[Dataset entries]
########################################

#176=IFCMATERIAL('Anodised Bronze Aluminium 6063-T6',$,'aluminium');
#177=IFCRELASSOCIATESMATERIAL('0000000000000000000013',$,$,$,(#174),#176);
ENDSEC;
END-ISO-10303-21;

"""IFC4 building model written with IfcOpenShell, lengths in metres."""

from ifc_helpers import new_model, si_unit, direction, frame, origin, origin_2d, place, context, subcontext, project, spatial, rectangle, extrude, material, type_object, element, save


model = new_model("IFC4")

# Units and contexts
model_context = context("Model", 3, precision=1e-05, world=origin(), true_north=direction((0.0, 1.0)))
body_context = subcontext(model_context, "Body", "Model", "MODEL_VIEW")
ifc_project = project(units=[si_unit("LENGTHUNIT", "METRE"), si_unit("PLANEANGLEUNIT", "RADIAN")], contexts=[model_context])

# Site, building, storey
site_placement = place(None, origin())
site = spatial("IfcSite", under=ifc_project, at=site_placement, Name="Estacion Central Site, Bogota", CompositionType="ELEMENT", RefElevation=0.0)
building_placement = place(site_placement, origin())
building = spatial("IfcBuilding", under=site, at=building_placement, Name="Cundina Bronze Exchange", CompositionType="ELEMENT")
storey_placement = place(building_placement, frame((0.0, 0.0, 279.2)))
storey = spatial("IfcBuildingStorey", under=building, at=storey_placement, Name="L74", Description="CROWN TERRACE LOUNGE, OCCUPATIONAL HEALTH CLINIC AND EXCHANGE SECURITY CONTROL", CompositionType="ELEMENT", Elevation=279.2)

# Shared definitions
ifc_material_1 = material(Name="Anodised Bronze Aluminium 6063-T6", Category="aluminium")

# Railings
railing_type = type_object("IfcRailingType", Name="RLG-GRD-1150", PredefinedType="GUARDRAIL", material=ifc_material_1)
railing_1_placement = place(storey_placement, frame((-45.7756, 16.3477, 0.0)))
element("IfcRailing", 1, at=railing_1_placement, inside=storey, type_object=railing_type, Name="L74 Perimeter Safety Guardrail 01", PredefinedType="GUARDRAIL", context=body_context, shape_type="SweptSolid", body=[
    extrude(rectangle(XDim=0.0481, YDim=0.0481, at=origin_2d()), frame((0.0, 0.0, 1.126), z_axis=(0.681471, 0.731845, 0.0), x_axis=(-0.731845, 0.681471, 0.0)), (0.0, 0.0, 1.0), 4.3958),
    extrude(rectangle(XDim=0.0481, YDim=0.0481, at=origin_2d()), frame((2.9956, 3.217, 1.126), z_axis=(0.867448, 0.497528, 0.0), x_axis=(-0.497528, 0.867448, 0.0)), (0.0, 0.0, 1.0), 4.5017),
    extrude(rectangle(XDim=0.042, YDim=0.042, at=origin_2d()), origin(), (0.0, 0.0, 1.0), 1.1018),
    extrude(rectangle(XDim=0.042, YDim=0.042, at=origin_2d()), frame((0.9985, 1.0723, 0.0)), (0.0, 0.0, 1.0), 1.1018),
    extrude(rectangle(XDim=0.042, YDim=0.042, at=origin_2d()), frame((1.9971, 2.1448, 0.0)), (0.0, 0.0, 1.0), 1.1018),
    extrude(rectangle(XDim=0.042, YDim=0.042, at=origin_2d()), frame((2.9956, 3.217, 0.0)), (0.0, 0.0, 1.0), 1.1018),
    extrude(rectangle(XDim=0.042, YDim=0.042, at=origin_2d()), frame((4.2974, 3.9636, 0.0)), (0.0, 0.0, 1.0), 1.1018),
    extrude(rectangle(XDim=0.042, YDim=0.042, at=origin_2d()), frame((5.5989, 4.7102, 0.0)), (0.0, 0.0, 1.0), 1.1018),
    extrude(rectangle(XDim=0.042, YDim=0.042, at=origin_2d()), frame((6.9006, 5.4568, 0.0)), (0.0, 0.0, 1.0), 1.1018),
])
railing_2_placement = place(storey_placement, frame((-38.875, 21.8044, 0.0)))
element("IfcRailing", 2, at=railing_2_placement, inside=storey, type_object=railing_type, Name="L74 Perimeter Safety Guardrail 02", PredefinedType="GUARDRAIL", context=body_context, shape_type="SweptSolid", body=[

########################################

From the records above, extract exactly and only the lines that begin at the line with "END-ISO-10303-21;" and stop after the line with "world=origin(), true_north=direction((0.0, 1.0)))".

END-ISO-10303-21;

"""IFC4 building model written with IfcOpenShell, lengths in metres."""

from ifc_helpers import new_model, si_unit, direction, frame, origin, origin_2d, place, context, subcontext, project, spatial, rectangle, extrude, material, type_object, element, save


model = new_model("IFC4")

# Units and contexts
model_context = context("Model", 3, precision=1e-05, world=origin(), true_north=direction((0.0, 1.0)))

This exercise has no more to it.